=== EXERCISE AIM ===
Below is some data. Retype exactly the lines starting at the one with "#206=IFCMATERIAL('Black anodised aluminium',$,'aluminium');" and ending at the one with "#65=IFCINDEXEDPOLYGONALFACE((13,14,16,15));".

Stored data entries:
#####
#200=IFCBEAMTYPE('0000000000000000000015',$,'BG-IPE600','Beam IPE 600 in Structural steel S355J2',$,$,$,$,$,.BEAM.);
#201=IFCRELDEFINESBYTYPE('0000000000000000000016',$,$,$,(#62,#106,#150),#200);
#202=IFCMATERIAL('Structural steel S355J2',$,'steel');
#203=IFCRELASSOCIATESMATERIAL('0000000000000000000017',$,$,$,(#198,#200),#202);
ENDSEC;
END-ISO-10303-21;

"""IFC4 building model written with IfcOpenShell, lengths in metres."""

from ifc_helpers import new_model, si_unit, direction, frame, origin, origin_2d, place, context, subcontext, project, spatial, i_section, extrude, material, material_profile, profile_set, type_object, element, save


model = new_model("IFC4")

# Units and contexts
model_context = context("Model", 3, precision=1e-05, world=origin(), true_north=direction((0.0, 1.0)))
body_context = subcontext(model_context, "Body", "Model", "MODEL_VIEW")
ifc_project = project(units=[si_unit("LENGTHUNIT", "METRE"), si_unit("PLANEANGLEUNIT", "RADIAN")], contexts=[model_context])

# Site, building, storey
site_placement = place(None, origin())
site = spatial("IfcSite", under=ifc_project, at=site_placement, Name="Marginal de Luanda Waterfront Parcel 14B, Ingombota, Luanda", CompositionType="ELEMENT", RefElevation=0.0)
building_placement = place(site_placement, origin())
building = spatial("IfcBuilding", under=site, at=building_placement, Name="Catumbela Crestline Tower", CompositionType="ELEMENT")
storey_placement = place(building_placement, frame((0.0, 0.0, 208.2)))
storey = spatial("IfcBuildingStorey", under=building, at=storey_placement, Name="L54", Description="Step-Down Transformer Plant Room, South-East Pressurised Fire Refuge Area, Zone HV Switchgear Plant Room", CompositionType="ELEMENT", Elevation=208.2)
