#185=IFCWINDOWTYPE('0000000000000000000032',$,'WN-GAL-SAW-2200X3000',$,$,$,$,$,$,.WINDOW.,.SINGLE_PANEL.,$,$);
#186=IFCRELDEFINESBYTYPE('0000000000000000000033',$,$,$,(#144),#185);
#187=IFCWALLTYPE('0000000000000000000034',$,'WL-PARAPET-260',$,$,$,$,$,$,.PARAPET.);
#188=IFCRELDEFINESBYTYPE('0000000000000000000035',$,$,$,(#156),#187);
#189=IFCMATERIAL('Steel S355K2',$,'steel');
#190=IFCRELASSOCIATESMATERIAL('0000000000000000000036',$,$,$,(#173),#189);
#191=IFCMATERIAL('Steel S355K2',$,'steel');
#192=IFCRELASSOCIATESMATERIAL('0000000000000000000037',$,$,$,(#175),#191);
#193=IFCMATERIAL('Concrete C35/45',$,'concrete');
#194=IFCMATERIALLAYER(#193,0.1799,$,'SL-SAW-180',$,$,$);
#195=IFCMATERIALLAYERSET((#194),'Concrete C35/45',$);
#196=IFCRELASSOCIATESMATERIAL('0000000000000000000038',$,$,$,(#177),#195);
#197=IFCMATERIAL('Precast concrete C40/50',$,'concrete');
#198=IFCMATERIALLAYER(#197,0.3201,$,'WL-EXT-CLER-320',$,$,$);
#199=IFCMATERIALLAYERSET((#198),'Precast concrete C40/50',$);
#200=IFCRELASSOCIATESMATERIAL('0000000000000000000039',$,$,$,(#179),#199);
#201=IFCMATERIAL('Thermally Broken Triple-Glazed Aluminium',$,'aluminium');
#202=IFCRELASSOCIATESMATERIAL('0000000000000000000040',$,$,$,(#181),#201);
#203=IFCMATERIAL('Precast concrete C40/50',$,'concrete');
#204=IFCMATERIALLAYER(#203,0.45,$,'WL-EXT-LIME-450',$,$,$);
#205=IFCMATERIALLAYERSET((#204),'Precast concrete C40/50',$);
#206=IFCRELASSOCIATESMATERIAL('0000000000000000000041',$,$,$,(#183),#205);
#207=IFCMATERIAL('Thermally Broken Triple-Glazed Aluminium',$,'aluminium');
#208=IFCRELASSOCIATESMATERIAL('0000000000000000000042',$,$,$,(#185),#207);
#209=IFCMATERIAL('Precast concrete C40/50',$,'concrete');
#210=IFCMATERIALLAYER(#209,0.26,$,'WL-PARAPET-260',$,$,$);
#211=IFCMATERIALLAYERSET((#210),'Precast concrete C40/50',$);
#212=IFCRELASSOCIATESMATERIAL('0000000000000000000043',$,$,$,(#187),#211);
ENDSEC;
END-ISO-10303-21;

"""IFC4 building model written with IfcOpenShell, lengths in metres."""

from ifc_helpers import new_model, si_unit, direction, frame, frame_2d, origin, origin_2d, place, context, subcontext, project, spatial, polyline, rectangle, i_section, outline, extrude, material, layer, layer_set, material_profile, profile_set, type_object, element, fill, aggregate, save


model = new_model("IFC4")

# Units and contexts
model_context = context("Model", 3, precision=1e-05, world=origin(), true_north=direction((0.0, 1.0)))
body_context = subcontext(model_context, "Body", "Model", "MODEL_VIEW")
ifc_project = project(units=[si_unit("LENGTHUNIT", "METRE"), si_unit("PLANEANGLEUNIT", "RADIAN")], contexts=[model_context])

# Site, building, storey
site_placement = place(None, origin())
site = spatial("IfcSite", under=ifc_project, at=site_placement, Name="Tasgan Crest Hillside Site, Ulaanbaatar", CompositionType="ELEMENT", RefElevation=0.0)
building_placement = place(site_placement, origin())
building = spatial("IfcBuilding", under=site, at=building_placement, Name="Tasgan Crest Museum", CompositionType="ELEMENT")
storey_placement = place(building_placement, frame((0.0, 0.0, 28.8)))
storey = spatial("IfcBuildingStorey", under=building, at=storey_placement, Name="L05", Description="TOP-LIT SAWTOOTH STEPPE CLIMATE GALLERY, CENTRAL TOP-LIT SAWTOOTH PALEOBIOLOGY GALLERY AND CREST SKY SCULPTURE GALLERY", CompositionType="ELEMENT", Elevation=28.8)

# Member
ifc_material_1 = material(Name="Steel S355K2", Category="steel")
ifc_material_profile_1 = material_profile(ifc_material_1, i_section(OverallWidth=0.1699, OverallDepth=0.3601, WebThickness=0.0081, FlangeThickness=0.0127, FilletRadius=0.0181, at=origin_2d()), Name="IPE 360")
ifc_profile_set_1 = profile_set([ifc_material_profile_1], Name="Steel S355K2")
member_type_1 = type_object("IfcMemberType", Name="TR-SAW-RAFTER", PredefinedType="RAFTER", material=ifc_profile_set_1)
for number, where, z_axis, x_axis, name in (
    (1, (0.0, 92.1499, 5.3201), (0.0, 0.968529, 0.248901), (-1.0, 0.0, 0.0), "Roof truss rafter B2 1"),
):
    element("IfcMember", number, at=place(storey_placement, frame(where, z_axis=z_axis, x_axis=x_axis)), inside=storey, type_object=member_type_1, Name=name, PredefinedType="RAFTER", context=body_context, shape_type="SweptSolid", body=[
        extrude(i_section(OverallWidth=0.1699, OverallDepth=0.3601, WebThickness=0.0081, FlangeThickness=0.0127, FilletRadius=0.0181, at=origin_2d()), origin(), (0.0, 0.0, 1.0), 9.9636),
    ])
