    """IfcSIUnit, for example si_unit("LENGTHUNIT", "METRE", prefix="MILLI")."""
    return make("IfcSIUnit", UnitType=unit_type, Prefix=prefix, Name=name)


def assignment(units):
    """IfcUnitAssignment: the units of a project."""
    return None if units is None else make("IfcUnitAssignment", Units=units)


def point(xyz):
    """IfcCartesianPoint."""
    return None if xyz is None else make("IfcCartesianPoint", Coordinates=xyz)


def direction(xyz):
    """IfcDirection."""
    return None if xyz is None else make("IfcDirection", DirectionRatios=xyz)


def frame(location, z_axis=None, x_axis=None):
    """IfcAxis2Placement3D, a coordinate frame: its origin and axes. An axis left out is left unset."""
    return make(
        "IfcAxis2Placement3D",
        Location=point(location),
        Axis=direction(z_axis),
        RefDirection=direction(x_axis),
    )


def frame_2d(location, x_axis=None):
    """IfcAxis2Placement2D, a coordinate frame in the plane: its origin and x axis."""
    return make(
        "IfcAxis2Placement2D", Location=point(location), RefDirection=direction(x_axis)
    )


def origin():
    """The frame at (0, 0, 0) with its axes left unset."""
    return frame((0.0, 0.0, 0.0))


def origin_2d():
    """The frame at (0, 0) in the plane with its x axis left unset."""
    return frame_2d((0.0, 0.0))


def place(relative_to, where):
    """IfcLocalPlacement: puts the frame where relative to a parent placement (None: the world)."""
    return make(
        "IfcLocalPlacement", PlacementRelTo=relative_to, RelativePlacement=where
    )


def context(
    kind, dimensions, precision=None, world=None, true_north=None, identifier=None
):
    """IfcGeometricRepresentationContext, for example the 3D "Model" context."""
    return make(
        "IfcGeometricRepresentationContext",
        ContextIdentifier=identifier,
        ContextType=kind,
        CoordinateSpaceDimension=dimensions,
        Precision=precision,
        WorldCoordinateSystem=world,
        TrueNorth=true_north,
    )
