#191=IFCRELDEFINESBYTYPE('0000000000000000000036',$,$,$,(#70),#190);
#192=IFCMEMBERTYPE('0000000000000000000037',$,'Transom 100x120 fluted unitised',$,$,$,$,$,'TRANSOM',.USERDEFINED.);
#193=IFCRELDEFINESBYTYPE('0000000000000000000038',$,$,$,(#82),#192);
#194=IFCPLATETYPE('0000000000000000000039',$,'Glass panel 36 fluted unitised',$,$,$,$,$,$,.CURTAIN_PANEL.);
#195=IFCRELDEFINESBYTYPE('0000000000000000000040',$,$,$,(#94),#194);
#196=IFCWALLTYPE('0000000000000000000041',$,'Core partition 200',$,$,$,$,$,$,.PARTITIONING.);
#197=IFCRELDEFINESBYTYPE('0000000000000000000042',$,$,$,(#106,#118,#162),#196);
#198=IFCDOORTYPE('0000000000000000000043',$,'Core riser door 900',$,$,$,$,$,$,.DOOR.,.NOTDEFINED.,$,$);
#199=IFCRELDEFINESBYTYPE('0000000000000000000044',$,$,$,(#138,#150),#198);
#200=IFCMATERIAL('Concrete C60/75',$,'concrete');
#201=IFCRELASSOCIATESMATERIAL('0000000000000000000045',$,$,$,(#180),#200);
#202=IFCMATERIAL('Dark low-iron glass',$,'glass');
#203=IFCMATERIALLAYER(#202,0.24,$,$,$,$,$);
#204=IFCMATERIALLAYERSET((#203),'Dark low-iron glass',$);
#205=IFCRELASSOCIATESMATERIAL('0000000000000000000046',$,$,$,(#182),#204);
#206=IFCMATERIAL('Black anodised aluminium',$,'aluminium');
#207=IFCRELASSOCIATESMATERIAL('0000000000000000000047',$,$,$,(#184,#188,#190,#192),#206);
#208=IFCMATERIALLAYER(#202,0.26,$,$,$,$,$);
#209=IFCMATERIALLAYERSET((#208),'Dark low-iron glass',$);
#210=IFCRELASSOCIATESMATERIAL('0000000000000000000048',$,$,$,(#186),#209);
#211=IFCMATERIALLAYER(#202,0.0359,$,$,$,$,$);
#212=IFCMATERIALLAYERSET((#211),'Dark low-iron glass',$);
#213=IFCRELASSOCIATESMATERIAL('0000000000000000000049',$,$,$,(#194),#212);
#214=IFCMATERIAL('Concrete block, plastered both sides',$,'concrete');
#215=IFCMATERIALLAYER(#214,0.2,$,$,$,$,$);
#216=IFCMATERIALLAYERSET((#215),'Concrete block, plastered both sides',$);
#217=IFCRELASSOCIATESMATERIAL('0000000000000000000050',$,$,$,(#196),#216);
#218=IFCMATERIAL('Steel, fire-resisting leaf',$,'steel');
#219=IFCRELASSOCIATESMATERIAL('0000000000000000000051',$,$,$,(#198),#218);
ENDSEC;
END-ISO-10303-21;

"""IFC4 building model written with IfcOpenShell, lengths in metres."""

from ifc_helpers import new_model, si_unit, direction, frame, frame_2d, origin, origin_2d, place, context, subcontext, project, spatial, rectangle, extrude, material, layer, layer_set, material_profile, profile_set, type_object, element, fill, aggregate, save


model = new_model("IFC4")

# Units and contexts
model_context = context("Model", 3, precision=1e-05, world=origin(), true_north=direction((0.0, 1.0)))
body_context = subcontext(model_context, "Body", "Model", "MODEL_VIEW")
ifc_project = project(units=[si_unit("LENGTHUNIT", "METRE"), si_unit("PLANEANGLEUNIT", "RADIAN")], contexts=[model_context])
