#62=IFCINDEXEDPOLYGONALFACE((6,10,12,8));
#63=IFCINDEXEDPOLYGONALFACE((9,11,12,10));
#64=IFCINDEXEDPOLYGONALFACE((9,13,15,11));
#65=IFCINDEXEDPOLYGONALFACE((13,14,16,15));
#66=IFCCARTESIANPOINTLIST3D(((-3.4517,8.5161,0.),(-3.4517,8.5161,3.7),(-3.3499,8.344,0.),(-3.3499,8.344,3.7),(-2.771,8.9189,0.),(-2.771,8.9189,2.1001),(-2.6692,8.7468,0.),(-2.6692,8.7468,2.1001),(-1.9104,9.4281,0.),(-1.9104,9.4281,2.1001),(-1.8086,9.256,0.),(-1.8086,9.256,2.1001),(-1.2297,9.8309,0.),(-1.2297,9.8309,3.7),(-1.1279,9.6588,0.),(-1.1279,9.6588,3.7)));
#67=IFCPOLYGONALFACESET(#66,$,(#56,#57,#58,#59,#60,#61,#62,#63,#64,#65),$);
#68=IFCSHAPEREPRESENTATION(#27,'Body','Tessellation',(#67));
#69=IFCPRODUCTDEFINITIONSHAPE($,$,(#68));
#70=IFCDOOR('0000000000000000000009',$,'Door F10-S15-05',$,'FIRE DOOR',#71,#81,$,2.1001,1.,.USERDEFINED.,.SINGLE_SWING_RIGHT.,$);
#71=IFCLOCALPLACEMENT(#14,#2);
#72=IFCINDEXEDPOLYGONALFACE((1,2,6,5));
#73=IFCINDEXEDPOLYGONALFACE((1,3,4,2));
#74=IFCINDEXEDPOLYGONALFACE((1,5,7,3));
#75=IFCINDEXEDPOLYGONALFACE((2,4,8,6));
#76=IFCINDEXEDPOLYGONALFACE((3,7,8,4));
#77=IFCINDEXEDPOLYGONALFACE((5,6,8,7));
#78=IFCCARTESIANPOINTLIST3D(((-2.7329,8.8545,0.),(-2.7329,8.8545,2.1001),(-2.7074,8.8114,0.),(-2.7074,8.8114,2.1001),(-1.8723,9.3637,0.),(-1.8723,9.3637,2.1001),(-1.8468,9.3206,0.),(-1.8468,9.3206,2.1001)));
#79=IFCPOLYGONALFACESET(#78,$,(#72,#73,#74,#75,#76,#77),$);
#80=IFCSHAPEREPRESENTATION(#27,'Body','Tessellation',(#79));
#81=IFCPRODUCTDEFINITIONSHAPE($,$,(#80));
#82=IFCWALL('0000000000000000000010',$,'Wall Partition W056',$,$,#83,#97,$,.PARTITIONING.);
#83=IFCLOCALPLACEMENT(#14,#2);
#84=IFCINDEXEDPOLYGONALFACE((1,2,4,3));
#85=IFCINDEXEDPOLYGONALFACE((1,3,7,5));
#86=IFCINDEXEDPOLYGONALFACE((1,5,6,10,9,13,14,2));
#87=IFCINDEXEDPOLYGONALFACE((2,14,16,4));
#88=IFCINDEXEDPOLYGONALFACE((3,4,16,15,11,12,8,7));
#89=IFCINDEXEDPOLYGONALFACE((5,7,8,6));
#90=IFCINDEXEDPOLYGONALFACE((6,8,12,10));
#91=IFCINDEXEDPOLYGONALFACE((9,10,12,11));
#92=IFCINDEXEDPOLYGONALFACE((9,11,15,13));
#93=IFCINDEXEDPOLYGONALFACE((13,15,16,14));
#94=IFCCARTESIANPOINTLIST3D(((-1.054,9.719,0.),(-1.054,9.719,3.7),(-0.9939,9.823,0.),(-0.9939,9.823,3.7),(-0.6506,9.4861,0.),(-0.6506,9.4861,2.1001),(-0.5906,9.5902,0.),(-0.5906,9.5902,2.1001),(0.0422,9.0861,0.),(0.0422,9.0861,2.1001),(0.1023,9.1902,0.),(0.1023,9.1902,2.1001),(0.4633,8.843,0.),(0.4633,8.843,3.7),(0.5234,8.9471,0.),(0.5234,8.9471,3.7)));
#####
=== PROBLEM SOLUTION ===
#206=IFCMATERIAL('Black anodised aluminium',$,'aluminium');
#207=IFCRELASSOCIATESMATERIAL('0000000000000000000047',$,$,$,(#184,#188,#190,#192),#206);
#208=IFCMATERIALLAYER(#202,0.26,$,$,$,$,$);
#209=IFCMATERIALLAYERSET((#208),'Dark low-iron glass',$);
#210=IFCRELASSOCIATESMATERIAL('0000000000000000000048',$,$,$,(#186),#209);
#211=IFCMATERIALLAYER(#202,0.0359,$,$,$,$,$);
#212=IFCMATERIALLAYERSET((#211),'Dark low-iron glass',$);
#213=IFCRELASSOCIATESMATERIAL('0000000000000000000049',$,$,$,(#194),#212);
#214=IFCMATERIAL('Concrete block, plastered both sides',$,'concrete');
#215=IFCMATERIALLAYER(#214,0.2,$,$,$,$,$);
#216=IFCMATERIALLAYERSET((#215),'Concrete block, plastered both sides',$);
#217=IFCRELASSOCIATESMATERIAL('0000000000000000000050',$,$,$,(#196),#216);
#218=IFCMATERIAL('Steel, fire-resisting leaf',$,'steel');
#219=IFCRELASSOCIATESMATERIAL('0000000000000000000051',$,$,$,(#198),#218);
ENDSEC;
END-ISO-10303-21;

"""IFC4 building model written with IfcOpenShell, lengths in metres."""

from ifc_helpers import new_model, si_unit, direction, frame, frame_2d, origin, origin_2d, place, context, subcontext, project, spatial, rectangle, extrude, material, layer, layer_set, material_profile, profile_set, type_object, element, fill, aggregate, save


model = new_model("IFC4")

# Units and contexts
model_context = context("Model", 3, precision=1e-05, world=origin(), true_north=direction((0.0, 1.0)))
body_context = subcontext(model_context, "Body", "Model", "MODEL_VIEW")
ifc_project = project(units=[si_unit("LENGTHUNIT", "METRE"), si_unit("PLANEANGLEUNIT", "RADIAN")], contexts=[model_context])
#62=IFCINDEXEDPOLYGONALFACE((6,10,12,8));
#63=IFCINDEXEDPOLYGONALFACE((9,11,12,10));
#64=IFCINDEXEDPOLYGONALFACE((9,13,15,11));
#65=IFCINDEXEDPOLYGONALFACE((13,14,16,15));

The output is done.